## ASSIGNED TASK
Find "#51=IFCLOCALPLACEMENT(#14,#2);" and "#57=IFCINDEXEDPOLYGONALFACE((5,7,8,6));" in the records below. Copy the lines holding them and every line between, exactly, and no others.

(Stored items)
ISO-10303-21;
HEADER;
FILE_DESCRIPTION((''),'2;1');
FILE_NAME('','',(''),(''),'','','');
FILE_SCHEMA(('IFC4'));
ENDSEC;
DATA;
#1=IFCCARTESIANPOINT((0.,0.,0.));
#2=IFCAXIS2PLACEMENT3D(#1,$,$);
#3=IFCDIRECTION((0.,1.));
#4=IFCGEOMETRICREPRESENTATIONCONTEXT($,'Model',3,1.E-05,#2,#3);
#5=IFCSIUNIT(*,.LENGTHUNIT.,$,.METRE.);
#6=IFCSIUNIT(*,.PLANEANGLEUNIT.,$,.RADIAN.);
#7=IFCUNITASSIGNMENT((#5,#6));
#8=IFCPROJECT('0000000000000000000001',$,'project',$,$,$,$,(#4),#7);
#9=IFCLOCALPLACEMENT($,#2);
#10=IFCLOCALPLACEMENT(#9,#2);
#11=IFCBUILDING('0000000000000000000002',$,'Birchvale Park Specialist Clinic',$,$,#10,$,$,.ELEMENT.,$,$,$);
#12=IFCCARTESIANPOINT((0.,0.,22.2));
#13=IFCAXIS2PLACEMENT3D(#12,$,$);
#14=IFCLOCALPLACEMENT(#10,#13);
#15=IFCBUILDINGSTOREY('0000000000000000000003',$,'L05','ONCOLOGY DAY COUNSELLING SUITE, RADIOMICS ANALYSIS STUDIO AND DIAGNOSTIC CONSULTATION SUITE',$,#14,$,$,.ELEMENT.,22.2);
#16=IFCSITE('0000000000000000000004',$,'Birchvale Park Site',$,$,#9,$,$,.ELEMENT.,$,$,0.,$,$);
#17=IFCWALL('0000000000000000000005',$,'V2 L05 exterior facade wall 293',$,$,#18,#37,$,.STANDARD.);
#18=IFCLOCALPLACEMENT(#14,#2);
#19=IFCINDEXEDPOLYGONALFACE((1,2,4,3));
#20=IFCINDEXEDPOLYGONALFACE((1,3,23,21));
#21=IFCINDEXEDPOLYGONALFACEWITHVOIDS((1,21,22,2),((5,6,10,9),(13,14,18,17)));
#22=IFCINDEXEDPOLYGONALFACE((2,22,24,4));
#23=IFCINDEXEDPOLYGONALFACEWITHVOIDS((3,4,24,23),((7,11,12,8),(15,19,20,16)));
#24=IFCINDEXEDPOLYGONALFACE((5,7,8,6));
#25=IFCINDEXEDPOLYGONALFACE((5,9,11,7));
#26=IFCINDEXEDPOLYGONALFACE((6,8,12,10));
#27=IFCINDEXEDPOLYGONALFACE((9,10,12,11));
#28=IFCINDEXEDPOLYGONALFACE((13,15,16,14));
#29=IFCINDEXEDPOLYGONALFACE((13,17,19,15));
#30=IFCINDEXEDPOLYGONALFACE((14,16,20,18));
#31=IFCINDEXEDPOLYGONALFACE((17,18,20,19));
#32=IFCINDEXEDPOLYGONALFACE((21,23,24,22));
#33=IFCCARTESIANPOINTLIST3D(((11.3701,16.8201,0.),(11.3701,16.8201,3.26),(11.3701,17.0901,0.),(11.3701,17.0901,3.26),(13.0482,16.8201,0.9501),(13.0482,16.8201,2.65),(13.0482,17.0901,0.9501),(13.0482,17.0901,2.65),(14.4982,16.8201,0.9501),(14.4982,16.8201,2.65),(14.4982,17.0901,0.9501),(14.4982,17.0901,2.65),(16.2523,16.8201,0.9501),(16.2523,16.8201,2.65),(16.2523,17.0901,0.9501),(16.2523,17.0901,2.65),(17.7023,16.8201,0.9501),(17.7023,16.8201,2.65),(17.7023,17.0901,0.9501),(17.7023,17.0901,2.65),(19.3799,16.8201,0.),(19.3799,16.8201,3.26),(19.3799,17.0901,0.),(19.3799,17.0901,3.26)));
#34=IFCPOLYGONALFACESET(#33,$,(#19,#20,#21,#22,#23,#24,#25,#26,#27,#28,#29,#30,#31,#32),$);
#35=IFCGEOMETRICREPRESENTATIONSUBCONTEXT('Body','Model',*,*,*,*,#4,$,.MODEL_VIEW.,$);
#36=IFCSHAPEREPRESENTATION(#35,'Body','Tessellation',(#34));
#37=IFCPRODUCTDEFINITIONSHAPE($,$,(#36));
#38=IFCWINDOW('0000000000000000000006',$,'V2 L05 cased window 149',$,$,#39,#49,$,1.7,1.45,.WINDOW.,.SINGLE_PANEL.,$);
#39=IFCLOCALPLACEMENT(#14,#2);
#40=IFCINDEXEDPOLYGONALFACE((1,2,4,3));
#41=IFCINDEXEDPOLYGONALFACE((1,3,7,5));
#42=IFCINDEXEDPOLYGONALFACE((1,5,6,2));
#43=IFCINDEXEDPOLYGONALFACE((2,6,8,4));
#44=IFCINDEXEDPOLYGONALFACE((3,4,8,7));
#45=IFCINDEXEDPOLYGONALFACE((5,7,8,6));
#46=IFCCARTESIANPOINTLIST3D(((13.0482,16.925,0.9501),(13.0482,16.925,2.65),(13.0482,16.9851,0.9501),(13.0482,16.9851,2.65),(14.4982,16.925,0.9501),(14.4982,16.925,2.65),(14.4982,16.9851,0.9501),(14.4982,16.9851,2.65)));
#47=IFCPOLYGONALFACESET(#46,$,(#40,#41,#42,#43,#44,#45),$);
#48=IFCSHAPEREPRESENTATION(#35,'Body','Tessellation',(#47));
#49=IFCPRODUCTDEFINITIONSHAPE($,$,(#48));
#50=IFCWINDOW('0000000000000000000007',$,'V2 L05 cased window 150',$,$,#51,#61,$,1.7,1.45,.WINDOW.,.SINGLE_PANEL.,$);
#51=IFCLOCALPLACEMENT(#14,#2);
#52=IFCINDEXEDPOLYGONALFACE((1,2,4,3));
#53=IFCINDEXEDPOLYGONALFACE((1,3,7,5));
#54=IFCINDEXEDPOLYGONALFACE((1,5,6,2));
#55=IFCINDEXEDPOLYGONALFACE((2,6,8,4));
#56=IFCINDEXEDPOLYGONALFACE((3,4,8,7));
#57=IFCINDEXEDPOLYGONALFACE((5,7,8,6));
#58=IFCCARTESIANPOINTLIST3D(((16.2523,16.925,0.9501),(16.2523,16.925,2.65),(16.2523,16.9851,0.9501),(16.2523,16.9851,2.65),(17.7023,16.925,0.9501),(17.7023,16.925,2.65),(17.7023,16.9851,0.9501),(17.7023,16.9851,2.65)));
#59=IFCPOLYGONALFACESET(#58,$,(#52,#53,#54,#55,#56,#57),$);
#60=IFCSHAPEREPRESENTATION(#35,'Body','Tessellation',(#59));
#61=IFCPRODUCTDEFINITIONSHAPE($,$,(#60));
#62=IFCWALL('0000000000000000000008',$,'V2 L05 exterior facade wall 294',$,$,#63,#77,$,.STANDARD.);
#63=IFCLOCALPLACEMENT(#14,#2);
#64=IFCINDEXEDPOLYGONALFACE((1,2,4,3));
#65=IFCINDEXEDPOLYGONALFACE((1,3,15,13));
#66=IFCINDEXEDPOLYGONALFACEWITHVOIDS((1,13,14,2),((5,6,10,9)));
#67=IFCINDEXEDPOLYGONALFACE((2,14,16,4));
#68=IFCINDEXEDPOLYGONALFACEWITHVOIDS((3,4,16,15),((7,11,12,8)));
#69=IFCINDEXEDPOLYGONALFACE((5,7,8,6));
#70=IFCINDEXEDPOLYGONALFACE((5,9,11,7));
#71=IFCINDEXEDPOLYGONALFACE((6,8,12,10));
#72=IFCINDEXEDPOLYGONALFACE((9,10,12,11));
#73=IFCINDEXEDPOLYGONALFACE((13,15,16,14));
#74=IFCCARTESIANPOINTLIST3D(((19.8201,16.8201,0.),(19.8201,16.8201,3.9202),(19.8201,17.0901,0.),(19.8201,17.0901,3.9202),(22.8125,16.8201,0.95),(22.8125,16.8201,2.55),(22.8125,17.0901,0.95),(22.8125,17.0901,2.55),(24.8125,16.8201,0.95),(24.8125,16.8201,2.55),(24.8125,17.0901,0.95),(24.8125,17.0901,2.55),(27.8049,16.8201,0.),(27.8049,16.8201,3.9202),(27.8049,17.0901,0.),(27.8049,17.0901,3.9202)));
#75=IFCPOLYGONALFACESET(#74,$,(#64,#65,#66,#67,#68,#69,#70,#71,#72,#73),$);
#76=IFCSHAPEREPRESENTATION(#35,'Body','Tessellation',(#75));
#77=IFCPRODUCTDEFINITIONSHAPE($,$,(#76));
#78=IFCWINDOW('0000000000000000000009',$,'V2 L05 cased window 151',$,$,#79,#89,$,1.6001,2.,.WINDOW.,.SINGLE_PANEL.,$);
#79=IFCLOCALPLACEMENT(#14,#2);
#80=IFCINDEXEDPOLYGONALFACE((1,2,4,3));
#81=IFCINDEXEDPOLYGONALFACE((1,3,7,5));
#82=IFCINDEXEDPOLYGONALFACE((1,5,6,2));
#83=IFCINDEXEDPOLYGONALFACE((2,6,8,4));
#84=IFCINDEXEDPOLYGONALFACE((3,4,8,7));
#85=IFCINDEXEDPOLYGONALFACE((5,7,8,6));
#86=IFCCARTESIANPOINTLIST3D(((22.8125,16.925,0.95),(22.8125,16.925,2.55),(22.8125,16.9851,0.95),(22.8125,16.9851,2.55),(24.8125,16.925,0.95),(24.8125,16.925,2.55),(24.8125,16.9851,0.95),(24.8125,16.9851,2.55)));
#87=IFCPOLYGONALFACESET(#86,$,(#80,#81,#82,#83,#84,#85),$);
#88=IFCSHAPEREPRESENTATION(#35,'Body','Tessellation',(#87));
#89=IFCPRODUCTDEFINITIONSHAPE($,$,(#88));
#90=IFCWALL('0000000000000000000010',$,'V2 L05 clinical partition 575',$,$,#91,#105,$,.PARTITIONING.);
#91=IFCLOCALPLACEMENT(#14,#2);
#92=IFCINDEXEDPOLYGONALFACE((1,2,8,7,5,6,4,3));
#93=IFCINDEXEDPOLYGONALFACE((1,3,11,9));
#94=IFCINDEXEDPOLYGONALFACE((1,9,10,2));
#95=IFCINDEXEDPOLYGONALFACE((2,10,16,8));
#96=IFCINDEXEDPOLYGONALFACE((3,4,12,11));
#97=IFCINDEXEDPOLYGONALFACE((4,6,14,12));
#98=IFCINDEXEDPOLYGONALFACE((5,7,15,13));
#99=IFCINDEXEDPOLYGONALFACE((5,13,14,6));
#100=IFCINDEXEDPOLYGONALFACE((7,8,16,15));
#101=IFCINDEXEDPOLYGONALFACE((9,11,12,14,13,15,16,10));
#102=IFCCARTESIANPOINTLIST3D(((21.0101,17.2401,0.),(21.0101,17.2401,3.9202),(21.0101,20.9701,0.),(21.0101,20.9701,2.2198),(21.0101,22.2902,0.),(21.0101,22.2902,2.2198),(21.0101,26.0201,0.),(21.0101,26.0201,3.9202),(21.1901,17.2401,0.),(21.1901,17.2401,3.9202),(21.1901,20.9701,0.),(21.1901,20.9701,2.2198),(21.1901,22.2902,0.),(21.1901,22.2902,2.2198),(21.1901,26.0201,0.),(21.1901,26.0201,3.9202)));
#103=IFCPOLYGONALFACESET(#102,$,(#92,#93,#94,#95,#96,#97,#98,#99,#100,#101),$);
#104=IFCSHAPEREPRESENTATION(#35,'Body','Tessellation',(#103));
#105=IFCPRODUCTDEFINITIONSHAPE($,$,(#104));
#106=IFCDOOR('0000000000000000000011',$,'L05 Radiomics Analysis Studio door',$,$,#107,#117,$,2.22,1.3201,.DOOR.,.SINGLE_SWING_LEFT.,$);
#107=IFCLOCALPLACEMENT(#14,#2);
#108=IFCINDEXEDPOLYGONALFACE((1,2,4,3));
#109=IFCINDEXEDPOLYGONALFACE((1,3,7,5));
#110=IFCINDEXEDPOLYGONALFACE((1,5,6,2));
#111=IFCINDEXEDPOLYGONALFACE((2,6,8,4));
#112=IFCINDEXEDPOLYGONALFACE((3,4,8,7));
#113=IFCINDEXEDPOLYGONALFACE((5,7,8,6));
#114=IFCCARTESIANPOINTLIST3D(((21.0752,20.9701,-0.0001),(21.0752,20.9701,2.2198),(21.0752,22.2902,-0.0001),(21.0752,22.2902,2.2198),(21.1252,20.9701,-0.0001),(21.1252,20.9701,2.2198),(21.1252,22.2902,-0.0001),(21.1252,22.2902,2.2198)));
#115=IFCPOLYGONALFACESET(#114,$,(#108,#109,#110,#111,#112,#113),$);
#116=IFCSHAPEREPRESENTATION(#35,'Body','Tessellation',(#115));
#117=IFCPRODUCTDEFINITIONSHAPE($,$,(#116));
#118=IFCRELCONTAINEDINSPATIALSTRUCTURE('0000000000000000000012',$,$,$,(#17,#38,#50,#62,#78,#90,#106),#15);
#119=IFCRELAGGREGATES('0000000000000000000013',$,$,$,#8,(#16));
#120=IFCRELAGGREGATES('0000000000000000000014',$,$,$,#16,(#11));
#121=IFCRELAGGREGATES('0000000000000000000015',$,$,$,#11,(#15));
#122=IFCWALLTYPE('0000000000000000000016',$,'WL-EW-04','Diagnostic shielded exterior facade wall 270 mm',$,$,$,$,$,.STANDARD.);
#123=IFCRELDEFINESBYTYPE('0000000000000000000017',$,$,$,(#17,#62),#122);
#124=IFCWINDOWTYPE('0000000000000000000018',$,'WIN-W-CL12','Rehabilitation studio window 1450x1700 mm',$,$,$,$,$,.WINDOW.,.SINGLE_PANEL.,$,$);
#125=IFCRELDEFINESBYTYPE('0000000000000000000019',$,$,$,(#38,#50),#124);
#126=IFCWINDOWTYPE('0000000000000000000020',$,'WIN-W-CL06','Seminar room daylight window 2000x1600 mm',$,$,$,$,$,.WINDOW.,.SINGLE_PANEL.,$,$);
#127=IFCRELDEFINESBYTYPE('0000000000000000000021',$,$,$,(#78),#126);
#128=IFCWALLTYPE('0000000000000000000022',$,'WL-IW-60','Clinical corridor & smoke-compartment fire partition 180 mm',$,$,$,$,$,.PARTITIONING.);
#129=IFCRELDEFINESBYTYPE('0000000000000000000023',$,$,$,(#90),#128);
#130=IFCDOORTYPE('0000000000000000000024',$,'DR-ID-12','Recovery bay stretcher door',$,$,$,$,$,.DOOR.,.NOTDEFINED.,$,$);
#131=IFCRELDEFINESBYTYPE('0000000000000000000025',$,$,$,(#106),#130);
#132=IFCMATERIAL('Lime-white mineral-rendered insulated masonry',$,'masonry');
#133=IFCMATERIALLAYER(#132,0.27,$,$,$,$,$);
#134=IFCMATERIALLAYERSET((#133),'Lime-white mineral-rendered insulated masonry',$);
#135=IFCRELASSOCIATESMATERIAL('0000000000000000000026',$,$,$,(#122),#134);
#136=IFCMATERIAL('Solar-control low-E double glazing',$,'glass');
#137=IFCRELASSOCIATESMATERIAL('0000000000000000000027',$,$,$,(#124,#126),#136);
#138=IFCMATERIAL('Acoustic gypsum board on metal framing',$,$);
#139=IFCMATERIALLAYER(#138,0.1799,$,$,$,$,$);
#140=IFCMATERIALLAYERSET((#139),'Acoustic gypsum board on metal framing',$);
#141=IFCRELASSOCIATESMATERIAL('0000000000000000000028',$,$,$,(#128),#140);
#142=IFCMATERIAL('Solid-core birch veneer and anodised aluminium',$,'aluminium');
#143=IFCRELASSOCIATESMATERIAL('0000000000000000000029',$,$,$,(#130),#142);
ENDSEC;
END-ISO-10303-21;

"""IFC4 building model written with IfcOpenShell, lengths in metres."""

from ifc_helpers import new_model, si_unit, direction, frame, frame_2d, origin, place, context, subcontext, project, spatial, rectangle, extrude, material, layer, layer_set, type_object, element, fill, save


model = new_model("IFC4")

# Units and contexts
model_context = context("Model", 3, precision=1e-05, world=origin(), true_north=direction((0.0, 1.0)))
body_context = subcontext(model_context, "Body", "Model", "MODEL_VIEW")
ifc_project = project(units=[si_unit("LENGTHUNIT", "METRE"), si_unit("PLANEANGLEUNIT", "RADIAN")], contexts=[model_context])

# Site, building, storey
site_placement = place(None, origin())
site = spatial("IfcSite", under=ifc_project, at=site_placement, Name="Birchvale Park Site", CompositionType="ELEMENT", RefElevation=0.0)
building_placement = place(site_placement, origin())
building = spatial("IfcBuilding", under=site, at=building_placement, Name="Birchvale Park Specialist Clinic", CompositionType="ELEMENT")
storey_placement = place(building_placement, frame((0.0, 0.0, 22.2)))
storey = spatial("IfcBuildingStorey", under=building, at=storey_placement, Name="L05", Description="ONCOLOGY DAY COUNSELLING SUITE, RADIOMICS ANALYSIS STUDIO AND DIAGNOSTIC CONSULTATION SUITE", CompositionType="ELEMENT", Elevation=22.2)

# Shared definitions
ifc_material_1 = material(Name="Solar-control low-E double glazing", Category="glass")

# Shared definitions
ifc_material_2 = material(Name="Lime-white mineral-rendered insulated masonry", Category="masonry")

* * *

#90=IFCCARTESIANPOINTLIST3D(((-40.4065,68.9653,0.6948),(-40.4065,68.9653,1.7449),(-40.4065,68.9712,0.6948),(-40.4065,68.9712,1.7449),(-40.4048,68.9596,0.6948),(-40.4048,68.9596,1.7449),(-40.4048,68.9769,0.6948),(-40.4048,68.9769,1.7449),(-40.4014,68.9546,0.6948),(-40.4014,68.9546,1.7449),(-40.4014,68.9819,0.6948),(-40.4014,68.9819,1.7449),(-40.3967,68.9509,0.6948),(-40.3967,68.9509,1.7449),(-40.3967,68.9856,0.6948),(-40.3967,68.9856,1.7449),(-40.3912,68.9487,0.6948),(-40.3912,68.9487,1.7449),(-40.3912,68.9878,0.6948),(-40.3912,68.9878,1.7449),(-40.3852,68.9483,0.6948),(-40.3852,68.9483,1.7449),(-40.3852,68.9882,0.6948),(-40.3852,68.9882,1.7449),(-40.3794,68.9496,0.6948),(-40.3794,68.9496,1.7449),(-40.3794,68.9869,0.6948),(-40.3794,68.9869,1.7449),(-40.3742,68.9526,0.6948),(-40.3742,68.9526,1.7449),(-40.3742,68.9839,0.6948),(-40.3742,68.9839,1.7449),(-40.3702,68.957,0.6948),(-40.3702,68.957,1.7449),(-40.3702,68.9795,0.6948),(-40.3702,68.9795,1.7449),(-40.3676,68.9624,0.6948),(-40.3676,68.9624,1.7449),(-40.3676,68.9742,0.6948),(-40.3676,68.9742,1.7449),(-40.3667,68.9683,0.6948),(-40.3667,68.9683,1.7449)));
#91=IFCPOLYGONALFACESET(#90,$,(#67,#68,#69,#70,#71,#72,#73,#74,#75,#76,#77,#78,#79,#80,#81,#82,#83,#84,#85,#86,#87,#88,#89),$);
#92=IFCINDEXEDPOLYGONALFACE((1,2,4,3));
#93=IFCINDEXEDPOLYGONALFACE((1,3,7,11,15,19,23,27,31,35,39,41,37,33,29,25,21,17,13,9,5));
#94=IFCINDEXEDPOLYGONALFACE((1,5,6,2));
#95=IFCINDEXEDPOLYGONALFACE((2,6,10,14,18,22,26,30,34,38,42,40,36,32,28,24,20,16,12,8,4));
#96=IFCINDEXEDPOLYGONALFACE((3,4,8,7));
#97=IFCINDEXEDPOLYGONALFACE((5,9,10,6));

## SOLUTION FOR THIS TASK
#51=IFCLOCALPLACEMENT(#14,#2);
#52=IFCINDEXEDPOLYGONALFACE((1,2,4,3));
#53=IFCINDEXEDPOLYGONALFACE((1,3,7,5));
#54=IFCINDEXEDPOLYGONALFACE((1,5,6,2));
#55=IFCINDEXEDPOLYGONALFACE((2,6,8,4));
#56=IFCINDEXEDPOLYGONALFACE((3,4,8,7));
#57=IFCINDEXEDPOLYGONALFACE((5,7,8,6));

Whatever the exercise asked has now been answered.